**WHAT YOU ARE ASKED TO DO**
Some lines in the material below hold the word "IFCLOCALPLACEMENT". Copy all of them.

**DATA FOR THE TASK**
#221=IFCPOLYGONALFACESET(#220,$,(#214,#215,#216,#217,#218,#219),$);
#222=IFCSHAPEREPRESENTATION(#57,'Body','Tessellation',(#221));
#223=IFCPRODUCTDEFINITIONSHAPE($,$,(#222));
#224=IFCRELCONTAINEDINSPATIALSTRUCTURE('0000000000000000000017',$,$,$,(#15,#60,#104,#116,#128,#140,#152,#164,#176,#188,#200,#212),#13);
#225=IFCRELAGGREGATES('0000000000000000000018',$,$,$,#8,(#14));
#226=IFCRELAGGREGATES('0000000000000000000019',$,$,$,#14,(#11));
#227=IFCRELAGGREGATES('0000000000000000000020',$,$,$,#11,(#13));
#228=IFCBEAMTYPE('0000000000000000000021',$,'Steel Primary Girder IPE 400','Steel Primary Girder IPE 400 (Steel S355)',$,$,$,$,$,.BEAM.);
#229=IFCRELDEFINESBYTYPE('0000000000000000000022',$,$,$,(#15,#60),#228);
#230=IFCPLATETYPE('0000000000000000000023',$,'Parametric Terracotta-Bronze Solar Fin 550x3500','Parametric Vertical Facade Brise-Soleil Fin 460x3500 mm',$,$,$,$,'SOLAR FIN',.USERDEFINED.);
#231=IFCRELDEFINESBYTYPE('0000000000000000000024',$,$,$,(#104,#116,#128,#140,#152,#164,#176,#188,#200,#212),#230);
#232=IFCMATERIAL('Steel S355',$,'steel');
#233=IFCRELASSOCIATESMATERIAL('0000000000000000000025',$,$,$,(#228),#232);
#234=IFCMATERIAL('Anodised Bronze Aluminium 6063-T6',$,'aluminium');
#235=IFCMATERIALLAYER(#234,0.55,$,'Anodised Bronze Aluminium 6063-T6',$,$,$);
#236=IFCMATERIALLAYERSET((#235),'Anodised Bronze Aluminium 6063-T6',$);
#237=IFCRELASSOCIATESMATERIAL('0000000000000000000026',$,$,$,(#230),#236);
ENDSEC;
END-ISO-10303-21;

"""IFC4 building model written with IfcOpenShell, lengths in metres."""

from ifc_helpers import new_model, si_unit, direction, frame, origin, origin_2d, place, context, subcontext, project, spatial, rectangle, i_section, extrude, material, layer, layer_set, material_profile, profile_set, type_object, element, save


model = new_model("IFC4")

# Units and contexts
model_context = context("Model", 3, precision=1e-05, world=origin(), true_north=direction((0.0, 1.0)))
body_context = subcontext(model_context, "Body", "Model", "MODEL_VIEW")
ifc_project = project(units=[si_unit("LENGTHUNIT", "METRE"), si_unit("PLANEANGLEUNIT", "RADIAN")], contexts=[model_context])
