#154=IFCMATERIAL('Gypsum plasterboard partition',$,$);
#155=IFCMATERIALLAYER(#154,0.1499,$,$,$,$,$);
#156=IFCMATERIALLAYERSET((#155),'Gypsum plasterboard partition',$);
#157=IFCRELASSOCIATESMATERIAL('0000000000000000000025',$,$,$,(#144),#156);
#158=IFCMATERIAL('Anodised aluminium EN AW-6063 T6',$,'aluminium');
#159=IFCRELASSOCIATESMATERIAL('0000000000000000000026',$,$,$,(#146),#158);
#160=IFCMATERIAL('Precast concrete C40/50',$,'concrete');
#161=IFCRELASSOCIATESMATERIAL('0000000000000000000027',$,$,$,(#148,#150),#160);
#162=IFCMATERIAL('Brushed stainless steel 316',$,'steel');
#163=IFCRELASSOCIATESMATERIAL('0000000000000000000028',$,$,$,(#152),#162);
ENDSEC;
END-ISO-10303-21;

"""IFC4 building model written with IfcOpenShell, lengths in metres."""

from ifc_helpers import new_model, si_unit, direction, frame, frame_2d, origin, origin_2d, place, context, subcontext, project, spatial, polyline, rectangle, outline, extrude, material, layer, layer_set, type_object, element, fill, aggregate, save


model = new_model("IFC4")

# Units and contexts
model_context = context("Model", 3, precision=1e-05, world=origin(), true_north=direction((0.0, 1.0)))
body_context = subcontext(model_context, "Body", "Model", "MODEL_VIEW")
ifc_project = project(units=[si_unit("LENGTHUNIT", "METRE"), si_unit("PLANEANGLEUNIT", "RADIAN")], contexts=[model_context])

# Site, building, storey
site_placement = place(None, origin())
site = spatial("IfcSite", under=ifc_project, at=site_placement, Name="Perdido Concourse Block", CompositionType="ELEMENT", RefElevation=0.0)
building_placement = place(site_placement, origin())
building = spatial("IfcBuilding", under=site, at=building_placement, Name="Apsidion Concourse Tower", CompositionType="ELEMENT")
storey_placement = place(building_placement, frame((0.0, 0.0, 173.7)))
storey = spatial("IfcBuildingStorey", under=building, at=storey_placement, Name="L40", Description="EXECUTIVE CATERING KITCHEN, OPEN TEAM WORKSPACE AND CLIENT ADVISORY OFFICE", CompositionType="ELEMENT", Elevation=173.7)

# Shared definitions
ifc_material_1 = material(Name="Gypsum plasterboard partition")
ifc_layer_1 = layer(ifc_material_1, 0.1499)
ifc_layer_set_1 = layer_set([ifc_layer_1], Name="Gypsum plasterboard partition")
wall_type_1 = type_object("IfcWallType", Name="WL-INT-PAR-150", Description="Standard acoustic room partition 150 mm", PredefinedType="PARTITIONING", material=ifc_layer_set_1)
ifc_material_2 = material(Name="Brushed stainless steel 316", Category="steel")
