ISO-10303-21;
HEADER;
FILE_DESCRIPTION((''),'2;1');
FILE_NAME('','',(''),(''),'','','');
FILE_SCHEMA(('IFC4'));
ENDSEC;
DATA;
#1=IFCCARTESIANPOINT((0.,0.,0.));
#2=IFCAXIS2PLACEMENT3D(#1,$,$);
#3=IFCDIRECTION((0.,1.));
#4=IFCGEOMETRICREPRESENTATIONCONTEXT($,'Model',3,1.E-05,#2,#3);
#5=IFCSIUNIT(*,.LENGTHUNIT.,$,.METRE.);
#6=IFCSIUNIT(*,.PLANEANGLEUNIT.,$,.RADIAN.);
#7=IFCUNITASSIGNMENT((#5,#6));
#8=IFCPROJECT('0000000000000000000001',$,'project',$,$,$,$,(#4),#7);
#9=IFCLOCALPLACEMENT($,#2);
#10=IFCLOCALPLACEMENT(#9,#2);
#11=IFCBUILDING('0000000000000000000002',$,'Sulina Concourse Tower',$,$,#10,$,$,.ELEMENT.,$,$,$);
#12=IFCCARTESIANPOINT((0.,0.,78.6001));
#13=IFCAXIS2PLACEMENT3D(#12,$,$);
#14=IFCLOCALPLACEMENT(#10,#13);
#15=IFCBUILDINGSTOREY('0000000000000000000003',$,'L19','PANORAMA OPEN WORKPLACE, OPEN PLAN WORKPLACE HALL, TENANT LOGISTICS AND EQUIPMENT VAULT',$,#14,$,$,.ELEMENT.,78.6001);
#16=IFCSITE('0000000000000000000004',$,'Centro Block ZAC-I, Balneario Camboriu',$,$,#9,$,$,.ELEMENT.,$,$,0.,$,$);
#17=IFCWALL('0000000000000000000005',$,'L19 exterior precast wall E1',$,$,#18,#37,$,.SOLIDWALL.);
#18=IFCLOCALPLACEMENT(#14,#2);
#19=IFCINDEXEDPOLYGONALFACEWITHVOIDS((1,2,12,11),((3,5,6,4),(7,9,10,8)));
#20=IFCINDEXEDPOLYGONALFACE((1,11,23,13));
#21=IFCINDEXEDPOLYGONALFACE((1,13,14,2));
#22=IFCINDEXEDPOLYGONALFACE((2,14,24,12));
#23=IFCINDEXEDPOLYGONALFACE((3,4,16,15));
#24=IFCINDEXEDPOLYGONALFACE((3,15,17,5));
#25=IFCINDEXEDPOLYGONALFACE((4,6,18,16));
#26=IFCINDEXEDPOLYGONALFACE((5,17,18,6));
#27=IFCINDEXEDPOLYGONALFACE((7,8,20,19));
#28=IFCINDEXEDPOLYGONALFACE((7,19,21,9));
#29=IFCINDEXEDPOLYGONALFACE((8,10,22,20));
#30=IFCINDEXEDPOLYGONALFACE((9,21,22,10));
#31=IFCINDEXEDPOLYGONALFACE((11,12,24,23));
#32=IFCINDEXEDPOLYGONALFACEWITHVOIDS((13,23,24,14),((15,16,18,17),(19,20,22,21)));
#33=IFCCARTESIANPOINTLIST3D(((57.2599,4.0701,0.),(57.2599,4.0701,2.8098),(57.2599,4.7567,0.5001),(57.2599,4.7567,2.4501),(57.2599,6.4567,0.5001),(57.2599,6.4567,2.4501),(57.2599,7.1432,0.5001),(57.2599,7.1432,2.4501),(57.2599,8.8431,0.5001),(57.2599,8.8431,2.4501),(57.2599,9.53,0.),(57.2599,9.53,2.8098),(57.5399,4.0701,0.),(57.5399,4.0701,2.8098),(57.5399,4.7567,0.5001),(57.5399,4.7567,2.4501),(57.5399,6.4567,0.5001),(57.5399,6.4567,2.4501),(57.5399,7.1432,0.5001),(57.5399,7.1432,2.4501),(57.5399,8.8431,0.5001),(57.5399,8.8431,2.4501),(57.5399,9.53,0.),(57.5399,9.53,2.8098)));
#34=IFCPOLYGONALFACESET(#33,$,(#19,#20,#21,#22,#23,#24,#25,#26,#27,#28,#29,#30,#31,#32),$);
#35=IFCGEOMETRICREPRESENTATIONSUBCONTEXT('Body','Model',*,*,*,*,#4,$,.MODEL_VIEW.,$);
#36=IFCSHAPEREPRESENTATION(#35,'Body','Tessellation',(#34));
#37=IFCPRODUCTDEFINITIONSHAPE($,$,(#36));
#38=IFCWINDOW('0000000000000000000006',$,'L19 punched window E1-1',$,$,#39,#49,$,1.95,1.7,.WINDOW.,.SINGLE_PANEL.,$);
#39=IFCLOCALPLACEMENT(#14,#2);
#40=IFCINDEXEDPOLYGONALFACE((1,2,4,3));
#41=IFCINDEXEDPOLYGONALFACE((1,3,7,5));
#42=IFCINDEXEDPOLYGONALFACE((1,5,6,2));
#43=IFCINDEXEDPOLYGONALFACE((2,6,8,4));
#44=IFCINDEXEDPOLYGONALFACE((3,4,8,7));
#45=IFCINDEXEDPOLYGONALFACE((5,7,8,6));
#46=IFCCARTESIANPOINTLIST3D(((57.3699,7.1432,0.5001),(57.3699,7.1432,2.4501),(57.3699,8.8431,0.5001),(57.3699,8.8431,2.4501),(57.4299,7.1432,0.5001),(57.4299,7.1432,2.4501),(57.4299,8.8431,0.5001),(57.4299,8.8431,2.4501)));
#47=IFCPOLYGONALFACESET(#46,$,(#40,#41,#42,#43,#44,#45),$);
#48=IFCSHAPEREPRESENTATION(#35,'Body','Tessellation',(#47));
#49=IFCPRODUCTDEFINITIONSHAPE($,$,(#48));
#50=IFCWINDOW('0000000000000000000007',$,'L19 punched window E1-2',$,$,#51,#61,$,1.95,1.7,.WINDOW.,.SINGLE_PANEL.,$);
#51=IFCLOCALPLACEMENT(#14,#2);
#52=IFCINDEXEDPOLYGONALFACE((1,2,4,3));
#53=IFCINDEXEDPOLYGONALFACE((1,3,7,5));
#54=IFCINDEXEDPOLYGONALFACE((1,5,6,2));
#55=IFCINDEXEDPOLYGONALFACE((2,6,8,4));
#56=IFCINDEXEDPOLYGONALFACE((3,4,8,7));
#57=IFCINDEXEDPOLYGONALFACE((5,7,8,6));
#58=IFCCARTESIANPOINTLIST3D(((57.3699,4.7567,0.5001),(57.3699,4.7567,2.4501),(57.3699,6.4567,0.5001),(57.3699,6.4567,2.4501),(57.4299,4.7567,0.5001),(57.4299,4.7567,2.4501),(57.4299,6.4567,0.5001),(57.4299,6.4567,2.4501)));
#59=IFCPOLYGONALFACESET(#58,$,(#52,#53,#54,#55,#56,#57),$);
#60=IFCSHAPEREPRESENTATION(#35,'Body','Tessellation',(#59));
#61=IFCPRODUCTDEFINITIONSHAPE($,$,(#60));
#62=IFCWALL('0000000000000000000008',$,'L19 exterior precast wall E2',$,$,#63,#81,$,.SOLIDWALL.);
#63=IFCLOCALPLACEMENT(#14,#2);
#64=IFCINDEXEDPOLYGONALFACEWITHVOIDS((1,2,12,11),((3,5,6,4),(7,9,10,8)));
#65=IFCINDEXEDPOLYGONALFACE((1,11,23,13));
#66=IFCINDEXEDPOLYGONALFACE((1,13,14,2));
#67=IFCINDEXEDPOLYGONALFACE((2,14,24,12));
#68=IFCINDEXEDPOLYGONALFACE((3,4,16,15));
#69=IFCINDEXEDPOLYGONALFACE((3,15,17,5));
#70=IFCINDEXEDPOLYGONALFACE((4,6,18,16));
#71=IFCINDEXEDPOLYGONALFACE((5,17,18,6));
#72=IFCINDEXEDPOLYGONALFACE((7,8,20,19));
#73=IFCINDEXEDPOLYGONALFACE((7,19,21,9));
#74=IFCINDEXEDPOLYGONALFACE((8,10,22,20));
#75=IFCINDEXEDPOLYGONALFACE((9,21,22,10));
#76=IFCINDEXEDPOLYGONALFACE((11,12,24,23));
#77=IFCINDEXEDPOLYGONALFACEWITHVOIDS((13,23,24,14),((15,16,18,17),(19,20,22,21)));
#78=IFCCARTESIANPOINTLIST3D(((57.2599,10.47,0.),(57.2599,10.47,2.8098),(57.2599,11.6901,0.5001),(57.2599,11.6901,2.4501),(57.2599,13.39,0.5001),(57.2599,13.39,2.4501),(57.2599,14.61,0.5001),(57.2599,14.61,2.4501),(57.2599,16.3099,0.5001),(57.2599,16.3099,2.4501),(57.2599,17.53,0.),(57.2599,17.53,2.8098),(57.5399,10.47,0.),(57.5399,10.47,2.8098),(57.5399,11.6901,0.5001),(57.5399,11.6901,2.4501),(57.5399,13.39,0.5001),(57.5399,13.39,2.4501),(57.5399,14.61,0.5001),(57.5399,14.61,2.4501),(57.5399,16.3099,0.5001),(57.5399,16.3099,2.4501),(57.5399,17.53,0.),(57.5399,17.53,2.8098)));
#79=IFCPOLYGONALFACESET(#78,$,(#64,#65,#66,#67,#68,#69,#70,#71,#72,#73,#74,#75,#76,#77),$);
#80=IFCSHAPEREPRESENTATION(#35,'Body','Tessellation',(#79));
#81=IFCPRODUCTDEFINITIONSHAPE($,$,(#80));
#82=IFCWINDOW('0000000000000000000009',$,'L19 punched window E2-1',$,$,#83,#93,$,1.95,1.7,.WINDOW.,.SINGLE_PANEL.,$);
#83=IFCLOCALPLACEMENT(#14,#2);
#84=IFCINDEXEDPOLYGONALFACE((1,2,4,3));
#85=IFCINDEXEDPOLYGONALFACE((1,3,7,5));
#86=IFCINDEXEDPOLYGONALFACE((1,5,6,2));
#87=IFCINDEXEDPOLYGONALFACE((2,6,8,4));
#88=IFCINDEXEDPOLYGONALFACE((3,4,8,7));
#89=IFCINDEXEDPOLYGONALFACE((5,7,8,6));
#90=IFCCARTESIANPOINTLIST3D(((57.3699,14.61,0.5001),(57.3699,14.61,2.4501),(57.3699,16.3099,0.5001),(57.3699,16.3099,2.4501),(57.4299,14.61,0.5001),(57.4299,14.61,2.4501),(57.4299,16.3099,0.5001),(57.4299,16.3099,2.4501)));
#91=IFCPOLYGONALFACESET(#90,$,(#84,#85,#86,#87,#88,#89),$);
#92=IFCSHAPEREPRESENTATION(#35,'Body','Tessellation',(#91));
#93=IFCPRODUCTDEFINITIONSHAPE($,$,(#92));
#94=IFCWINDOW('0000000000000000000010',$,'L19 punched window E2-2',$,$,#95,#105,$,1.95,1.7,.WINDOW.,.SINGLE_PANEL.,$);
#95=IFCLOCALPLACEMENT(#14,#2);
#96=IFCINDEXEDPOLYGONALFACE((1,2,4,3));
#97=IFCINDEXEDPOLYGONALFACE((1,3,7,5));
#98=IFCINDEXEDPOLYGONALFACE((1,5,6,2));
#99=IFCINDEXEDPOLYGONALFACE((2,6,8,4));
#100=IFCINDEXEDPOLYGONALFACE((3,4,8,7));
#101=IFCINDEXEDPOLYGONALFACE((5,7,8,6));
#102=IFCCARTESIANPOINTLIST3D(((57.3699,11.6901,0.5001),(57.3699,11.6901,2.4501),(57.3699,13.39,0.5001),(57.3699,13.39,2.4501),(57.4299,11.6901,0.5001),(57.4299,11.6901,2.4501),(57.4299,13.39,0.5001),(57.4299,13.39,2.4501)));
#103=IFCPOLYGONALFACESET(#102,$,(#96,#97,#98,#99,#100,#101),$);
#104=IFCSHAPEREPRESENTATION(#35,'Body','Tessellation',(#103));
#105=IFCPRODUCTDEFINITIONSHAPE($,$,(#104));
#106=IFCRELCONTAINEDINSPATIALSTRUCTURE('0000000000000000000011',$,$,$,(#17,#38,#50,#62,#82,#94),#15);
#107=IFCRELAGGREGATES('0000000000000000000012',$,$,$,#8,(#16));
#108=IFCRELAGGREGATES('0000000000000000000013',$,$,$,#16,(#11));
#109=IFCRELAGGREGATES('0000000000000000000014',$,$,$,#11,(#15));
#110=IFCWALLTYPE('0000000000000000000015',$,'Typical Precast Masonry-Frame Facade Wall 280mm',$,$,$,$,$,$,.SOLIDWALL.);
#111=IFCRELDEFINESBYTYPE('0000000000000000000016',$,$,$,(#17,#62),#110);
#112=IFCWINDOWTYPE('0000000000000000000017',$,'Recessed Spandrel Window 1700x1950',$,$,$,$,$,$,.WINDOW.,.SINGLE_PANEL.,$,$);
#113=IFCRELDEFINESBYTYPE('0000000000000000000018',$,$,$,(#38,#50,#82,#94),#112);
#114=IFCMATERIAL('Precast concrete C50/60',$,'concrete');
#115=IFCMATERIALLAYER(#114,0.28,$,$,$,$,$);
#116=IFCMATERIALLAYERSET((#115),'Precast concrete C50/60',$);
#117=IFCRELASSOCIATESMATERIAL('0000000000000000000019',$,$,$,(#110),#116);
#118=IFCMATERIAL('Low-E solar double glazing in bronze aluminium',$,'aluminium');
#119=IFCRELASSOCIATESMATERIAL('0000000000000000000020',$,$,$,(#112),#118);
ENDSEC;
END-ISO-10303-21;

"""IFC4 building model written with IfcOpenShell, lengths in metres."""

from ifc_helpers import new_model, si_unit, direction, frame, frame_2d, origin, place, context, subcontext, project, spatial, rectangle, extrude, material, layer, layer_set, type_object, element, fill, save


model = new_model("IFC4")

# Units and contexts
model_context = context("Model", 3, precision=1e-05, world=origin(), true_north=direction((0.0, 1.0)))
body_context = subcontext(model_context, "Body", "Model", "MODEL_VIEW")
ifc_project = project(units=[si_unit("LENGTHUNIT", "METRE"), si_unit("PLANEANGLEUNIT", "RADIAN")], contexts=[model_context])

# Site, building, storey
site_placement = place(None, origin())
site = spatial("IfcSite", under=ifc_project, at=site_placement, Name="Centro Block ZAC-I, Balneario Camboriu", CompositionType="ELEMENT", RefElevation=0.0)
building_placement = place(site_placement, origin())
building = spatial("IfcBuilding", under=site, at=building_placement, Name="Sulina Concourse Tower", CompositionType="ELEMENT")
storey_placement = place(building_placement, frame((0.0, 0.0, 78.6001)))
storey = spatial("IfcBuildingStorey", under=building, at=storey_placement, Name="L19", Description="PANORAMA OPEN WORKPLACE, OPEN PLAN WORKPLACE HALL, TENANT LOGISTICS AND EQUIPMENT VAULT", CompositionType="ELEMENT", Elevation=78.6001)

# Walls, openings, windows
ifc_material_1 = material(Name="Precast concrete C50/60", Category="concrete")
ifc_layer_1 = layer(ifc_material_1, 0.28)
ifc_layer_set_1 = layer_set([ifc_layer_1], Name="Precast concrete C50/60")
wall_type_1 = type_object("IfcWallType", Name="Typical Precast Masonry-Frame Facade Wall 280mm", PredefinedType="SOLIDWALL", material=ifc_layer_set_1)
wall_1_placement = place(storey_placement, frame((57.3999, 9.53, 0.0), z_axis=(0.0, 0.0, 1.0), x_axis=(0.0, -1.0, 0.0)))
wall_1 = element("IfcWall", 1, at=wall_1_placement, inside=storey, type_object=wall_type_1, Name="L19 exterior precast wall E1", PredefinedType="SOLIDWALL", context=body_context, shape_type="SweptSolid", body=[
    extrude(rectangle(XDim=5.46, YDim=0.28, at=frame_2d((2.73, 0.0))), origin(), (0.0, 0.0, 1.0), 2.8098),
])
opening_1_placement = place(wall_1_placement, frame((0.6868, 0.0, 0.5)))
opening_1 = element("IfcOpeningElement", 2, at=opening_1_placement, cuts=wall_1, PredefinedType="OPENING", context=body_context, shape_type="SweptSolid", body=[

**TASK RESULT**
#9=IFCLOCALPLACEMENT($,#2);
#10=IFCLOCALPLACEMENT(#9,#2);
#14=IFCLOCALPLACEMENT(#10,#13);
#18=IFCLOCALPLACEMENT(#14,#2);
#39=IFCLOCALPLACEMENT(#14,#2);
#51=IFCLOCALPLACEMENT(#14,#2);
#63=IFCLOCALPLACEMENT(#14,#2);
#83=IFCLOCALPLACEMENT(#14,#2);
#95=IFCLOCALPLACEMENT(#14,#2);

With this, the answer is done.